=== Exercise requirements ===
Each line below that includes the word "Colombia" is to be reported.

=== Data shown ===
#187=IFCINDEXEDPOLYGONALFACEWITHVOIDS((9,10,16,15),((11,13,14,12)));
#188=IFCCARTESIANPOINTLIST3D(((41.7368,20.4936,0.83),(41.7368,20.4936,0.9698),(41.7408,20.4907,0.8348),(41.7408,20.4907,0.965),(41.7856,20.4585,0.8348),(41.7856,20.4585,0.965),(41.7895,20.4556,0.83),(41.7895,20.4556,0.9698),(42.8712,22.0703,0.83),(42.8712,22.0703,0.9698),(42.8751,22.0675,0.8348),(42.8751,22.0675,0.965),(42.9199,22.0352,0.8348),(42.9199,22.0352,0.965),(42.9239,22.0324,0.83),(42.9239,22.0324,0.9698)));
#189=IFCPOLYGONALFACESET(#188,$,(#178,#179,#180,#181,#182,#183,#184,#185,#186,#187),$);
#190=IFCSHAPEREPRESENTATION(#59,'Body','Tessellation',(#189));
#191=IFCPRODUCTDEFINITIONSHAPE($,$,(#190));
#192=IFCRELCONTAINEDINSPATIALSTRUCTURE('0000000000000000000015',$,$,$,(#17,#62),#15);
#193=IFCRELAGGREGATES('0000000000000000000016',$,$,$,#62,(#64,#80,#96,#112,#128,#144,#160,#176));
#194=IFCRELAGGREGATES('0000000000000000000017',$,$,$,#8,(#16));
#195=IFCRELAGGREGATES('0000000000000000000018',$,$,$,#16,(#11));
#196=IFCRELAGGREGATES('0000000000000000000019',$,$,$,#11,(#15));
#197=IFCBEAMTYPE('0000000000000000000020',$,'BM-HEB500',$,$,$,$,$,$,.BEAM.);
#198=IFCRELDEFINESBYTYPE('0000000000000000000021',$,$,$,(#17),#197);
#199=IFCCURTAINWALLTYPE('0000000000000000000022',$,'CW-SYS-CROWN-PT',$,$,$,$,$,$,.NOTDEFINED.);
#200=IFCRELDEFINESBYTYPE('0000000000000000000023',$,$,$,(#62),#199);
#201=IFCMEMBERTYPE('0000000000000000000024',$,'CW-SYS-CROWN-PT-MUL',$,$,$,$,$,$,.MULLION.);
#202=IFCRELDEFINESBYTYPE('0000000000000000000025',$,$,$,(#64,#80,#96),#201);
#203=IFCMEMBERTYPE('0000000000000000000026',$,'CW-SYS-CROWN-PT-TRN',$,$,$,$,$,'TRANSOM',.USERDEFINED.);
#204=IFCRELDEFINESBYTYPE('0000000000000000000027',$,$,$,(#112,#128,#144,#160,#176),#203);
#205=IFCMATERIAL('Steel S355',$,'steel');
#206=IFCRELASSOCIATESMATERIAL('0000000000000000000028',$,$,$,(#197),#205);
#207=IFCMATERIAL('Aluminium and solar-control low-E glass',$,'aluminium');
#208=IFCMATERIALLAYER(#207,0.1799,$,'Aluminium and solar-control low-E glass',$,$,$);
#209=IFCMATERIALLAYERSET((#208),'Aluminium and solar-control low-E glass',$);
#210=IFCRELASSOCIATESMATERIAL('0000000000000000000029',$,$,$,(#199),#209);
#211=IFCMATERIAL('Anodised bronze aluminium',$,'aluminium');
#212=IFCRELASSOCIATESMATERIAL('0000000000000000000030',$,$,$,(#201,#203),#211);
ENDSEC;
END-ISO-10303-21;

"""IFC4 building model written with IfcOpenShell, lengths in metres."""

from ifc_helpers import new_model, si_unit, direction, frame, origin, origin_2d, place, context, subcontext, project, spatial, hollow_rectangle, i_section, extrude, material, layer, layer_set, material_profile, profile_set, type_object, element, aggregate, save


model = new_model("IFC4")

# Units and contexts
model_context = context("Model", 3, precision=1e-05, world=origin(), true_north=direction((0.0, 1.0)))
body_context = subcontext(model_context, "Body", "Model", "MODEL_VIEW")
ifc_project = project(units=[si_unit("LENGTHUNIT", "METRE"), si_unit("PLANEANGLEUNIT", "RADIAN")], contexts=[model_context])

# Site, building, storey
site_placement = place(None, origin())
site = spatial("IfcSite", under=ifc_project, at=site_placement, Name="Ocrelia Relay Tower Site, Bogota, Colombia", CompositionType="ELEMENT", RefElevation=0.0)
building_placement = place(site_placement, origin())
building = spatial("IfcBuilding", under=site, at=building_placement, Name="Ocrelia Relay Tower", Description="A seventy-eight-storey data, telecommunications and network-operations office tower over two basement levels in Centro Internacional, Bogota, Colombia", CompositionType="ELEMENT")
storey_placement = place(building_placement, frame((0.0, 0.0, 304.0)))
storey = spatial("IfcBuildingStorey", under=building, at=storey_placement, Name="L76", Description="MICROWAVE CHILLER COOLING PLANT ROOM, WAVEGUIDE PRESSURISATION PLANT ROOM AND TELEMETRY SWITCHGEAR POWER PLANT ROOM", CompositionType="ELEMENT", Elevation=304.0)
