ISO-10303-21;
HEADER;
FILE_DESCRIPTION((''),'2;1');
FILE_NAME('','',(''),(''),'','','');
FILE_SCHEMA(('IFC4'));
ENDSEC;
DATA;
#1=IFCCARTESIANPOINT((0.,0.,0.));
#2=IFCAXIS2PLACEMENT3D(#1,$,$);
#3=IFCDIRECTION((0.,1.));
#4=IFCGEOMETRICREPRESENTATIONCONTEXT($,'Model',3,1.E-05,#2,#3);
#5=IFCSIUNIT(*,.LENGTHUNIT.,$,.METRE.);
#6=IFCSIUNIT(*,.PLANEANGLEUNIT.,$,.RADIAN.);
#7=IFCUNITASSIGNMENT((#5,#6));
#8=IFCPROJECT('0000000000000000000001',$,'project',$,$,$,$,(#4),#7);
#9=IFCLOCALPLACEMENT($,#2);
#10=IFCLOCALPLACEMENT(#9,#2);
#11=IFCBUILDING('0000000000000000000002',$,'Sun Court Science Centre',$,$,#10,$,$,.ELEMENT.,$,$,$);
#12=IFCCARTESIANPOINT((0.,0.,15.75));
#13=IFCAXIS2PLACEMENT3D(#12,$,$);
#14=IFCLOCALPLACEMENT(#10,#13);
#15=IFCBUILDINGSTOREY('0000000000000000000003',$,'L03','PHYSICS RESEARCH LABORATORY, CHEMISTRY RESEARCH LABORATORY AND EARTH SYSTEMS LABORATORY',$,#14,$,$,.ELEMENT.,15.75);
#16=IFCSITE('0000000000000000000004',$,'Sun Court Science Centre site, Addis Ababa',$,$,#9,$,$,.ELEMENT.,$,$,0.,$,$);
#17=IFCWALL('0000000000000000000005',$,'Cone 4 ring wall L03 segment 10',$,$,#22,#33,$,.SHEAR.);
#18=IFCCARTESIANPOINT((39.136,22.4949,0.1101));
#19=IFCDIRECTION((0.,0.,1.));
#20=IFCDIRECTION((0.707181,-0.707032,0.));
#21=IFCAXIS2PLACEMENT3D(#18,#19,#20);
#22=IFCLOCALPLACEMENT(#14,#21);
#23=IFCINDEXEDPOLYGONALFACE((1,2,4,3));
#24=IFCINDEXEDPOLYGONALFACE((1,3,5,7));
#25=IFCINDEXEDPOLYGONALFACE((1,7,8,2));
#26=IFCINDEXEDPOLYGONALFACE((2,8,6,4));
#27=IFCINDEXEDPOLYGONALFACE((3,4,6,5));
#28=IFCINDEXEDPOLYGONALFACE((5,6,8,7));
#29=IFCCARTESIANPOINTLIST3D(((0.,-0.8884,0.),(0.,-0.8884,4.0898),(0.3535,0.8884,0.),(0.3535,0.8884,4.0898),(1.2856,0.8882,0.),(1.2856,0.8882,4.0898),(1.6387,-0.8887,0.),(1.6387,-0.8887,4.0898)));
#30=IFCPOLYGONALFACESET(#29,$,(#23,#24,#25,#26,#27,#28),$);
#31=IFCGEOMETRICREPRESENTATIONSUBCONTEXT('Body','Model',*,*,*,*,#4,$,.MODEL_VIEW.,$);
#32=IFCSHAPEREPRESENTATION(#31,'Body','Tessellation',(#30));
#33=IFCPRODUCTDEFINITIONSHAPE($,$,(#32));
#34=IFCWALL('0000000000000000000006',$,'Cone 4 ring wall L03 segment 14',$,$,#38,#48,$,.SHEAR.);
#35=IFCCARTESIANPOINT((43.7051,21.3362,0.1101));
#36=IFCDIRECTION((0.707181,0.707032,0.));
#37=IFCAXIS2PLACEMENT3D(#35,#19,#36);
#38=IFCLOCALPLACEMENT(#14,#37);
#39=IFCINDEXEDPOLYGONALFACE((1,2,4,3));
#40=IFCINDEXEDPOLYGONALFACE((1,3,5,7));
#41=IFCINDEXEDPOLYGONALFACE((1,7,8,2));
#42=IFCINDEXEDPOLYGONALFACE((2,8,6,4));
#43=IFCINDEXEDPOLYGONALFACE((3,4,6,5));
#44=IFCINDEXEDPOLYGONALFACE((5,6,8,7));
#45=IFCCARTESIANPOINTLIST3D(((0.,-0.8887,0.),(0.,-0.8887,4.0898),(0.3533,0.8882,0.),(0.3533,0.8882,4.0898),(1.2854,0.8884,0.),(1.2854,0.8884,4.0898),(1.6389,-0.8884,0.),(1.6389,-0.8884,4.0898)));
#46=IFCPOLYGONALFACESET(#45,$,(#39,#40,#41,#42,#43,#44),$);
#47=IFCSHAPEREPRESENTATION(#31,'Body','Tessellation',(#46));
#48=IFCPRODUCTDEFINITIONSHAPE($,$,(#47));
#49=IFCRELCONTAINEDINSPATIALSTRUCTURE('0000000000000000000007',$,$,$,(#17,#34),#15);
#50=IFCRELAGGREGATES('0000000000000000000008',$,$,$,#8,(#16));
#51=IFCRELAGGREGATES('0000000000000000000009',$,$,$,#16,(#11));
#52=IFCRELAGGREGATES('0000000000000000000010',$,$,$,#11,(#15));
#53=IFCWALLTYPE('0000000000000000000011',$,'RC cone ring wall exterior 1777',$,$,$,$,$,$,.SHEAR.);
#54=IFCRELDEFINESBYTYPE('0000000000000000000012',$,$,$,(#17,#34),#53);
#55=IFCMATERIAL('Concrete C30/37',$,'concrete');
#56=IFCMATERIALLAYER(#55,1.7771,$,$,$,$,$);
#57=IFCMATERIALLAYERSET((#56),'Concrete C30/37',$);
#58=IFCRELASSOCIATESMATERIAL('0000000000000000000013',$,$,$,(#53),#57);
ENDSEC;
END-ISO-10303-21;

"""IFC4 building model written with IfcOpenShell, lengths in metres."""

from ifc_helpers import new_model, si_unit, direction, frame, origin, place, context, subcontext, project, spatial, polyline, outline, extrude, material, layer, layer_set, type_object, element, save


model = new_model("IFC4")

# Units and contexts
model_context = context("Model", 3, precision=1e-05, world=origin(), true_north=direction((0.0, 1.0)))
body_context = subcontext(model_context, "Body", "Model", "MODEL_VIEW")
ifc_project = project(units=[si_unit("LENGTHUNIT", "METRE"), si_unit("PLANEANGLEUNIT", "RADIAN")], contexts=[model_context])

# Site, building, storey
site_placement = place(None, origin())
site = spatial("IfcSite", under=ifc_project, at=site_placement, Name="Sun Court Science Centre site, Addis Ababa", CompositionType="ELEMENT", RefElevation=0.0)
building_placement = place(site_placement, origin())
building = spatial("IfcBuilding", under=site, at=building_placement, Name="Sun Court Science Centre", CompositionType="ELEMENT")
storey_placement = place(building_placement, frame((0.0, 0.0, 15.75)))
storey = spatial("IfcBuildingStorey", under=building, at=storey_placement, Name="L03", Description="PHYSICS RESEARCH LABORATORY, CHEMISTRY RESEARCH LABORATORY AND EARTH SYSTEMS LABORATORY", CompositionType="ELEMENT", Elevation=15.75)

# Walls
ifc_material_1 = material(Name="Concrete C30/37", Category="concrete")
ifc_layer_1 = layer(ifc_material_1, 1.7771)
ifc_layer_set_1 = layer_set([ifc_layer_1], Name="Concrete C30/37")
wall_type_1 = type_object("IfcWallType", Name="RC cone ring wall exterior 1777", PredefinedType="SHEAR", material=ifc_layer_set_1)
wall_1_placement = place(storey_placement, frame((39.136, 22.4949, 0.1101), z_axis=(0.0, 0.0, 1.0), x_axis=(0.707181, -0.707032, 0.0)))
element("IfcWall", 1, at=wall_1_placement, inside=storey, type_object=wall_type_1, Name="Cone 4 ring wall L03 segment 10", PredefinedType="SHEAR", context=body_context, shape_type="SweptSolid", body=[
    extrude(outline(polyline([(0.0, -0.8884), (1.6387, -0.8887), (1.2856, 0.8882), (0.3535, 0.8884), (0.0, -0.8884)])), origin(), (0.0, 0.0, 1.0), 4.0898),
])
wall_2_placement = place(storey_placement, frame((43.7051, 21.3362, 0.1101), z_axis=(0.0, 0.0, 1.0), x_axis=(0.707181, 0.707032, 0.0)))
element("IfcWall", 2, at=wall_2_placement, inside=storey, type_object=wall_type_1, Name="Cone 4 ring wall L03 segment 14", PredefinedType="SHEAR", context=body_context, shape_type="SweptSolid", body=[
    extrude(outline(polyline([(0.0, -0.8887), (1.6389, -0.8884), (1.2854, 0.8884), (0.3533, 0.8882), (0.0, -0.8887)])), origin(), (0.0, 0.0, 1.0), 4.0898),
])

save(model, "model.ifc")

* * *

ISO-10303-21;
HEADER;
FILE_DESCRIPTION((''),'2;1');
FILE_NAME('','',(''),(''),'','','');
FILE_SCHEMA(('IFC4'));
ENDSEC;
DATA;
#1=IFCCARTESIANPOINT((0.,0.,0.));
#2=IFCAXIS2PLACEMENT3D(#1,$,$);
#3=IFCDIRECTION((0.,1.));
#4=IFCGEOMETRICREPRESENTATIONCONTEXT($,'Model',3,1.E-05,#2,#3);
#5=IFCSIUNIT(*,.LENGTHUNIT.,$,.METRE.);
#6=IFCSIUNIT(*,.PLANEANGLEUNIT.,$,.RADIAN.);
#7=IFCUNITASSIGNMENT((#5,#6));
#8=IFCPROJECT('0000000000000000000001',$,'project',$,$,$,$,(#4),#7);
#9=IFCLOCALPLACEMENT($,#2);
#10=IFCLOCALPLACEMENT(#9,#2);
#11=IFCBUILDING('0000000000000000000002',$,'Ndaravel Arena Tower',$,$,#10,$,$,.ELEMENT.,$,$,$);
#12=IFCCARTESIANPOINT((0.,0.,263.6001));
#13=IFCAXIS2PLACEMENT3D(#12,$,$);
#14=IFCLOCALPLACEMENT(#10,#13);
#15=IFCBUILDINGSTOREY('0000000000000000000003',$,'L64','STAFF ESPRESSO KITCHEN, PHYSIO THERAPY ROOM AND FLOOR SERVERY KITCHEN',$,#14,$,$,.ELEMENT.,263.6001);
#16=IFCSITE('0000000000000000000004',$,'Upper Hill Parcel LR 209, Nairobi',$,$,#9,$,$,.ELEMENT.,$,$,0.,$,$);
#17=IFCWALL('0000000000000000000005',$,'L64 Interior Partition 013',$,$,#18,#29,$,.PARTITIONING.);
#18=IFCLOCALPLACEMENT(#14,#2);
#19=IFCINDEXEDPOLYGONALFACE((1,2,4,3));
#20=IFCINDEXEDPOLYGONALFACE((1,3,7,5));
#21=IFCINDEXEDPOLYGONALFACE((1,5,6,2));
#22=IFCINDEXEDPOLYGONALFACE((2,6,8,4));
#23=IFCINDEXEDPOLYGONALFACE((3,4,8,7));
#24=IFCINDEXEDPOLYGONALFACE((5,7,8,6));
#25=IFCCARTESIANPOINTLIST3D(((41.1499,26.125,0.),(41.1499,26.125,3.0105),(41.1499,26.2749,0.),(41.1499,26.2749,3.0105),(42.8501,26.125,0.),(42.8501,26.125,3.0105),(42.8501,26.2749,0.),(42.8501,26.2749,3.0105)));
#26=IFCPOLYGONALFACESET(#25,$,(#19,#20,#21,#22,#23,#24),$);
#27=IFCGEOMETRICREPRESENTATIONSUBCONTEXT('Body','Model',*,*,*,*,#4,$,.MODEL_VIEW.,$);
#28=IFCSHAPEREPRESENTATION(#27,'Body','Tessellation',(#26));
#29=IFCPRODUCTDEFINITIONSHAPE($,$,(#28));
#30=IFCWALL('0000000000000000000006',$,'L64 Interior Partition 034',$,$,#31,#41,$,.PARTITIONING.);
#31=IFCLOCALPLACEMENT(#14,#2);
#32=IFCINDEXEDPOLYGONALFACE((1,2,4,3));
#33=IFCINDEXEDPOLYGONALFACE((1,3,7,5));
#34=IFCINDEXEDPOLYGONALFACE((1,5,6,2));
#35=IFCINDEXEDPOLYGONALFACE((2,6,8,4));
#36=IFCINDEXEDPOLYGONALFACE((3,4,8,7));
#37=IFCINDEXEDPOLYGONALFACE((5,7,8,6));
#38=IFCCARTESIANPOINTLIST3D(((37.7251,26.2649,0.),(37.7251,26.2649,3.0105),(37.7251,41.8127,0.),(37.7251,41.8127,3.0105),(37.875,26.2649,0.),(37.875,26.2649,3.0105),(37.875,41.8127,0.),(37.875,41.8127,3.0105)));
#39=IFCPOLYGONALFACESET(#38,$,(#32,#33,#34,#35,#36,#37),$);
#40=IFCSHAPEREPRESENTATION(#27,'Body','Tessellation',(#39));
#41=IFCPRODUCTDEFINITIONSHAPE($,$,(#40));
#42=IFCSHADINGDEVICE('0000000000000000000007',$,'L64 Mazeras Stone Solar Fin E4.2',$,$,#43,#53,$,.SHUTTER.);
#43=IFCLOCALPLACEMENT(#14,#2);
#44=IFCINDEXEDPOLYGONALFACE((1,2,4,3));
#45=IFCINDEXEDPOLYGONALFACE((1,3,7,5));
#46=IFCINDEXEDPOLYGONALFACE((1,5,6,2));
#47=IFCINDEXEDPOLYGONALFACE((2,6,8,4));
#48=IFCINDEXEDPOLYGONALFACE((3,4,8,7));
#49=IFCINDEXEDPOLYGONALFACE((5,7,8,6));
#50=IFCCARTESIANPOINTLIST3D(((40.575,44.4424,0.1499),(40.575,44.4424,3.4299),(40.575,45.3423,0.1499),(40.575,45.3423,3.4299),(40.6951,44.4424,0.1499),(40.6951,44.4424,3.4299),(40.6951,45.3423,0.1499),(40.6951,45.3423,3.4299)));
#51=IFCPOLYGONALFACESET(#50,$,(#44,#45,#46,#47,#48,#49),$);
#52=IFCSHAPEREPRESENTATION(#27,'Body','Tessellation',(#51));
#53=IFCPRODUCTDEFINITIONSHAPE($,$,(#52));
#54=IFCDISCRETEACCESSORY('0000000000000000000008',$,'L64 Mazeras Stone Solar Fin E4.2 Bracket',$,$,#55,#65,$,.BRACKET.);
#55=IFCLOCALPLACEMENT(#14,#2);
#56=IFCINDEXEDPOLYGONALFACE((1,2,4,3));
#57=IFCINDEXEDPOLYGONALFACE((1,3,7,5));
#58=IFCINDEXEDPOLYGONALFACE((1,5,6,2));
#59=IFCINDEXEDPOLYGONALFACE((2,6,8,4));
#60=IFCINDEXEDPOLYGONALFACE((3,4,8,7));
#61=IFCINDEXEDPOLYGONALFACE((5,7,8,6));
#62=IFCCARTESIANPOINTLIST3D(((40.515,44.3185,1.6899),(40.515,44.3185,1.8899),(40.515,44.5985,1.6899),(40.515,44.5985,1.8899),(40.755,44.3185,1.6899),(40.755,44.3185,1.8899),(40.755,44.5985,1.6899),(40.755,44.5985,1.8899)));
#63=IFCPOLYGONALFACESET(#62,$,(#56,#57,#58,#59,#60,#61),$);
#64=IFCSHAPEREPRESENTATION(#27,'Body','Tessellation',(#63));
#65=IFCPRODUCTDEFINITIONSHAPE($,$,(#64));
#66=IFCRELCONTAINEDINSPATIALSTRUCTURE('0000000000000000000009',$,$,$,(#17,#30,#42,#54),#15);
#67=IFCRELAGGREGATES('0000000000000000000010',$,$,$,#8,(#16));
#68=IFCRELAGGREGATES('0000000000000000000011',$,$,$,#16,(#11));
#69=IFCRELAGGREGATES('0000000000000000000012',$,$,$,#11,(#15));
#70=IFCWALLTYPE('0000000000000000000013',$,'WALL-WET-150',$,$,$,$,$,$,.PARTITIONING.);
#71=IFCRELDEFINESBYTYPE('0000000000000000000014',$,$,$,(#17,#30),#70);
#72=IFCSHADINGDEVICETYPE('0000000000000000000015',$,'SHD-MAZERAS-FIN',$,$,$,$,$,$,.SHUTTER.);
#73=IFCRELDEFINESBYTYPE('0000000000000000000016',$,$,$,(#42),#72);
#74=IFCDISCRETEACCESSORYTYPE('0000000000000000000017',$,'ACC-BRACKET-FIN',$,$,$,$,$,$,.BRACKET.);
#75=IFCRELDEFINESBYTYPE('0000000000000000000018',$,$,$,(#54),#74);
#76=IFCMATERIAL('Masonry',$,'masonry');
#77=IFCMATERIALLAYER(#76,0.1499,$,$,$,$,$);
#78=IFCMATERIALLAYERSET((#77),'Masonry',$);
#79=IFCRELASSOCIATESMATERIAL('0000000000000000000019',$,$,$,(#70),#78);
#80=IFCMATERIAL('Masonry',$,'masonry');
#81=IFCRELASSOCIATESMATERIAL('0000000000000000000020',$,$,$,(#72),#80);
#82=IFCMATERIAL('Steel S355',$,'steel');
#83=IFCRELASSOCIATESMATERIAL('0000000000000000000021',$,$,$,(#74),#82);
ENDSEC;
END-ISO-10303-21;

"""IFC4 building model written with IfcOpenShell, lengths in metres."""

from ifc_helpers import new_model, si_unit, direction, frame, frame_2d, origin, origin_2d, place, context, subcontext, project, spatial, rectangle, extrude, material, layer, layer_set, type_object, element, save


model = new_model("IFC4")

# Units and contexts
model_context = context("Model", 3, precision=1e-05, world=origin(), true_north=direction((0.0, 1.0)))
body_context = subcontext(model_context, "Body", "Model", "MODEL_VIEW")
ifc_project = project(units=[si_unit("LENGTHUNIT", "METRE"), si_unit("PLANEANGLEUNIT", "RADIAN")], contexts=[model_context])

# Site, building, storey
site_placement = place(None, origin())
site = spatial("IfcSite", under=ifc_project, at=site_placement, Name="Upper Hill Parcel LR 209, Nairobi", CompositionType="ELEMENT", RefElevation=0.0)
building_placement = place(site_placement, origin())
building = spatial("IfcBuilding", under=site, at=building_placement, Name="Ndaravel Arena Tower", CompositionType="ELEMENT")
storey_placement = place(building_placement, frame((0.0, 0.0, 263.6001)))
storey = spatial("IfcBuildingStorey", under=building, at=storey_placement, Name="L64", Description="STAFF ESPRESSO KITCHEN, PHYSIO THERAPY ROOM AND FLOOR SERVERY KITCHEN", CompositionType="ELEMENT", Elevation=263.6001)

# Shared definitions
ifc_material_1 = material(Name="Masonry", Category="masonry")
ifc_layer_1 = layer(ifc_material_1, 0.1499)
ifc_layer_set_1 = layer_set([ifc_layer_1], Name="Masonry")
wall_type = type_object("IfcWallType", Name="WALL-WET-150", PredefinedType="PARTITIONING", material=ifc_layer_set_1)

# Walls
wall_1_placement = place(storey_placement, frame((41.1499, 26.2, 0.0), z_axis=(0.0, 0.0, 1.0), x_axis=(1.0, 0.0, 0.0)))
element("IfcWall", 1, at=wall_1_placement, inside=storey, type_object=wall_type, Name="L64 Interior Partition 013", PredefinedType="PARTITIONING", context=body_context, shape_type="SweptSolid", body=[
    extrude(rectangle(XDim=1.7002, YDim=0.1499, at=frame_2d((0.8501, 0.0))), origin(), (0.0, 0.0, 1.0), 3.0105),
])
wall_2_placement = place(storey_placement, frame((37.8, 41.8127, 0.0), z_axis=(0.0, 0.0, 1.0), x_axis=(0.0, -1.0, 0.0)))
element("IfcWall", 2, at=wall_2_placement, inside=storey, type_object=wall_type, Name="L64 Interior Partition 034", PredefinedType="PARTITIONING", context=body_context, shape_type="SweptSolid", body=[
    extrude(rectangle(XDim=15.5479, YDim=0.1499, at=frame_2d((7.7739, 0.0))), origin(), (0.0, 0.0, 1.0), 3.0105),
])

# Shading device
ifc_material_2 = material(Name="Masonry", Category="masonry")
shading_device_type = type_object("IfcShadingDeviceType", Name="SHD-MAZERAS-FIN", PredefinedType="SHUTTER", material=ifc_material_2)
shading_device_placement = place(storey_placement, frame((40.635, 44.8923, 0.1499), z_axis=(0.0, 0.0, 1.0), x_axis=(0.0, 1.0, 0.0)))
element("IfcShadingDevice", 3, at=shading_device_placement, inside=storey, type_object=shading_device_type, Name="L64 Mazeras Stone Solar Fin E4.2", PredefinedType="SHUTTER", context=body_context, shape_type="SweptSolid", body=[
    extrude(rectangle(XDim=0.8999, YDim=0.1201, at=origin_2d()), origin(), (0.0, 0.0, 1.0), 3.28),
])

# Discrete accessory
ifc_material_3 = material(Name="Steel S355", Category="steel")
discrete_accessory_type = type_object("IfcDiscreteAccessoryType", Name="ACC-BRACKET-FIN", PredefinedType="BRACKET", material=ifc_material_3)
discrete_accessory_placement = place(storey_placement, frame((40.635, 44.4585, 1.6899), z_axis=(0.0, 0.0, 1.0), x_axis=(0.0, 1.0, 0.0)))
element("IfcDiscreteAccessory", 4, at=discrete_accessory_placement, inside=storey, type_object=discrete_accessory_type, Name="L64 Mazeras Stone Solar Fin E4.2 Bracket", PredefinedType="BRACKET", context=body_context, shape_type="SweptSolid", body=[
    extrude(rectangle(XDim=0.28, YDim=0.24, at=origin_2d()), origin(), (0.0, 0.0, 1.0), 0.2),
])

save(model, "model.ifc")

=== Task solution ===
site = spatial("IfcSite", under=ifc_project, at=site_placement, Name="Ocrelia Relay Tower Site, Bogota, Colombia", CompositionType="ELEMENT", RefElevation=0.0)
building = spatial("IfcBuilding", under=site, at=building_placement, Name="Ocrelia Relay Tower", Description="A seventy-eight-storey data, telecommunications and network-operations office tower over two basement levels in Centro Internacional, Bogota, Colombia", CompositionType="ELEMENT")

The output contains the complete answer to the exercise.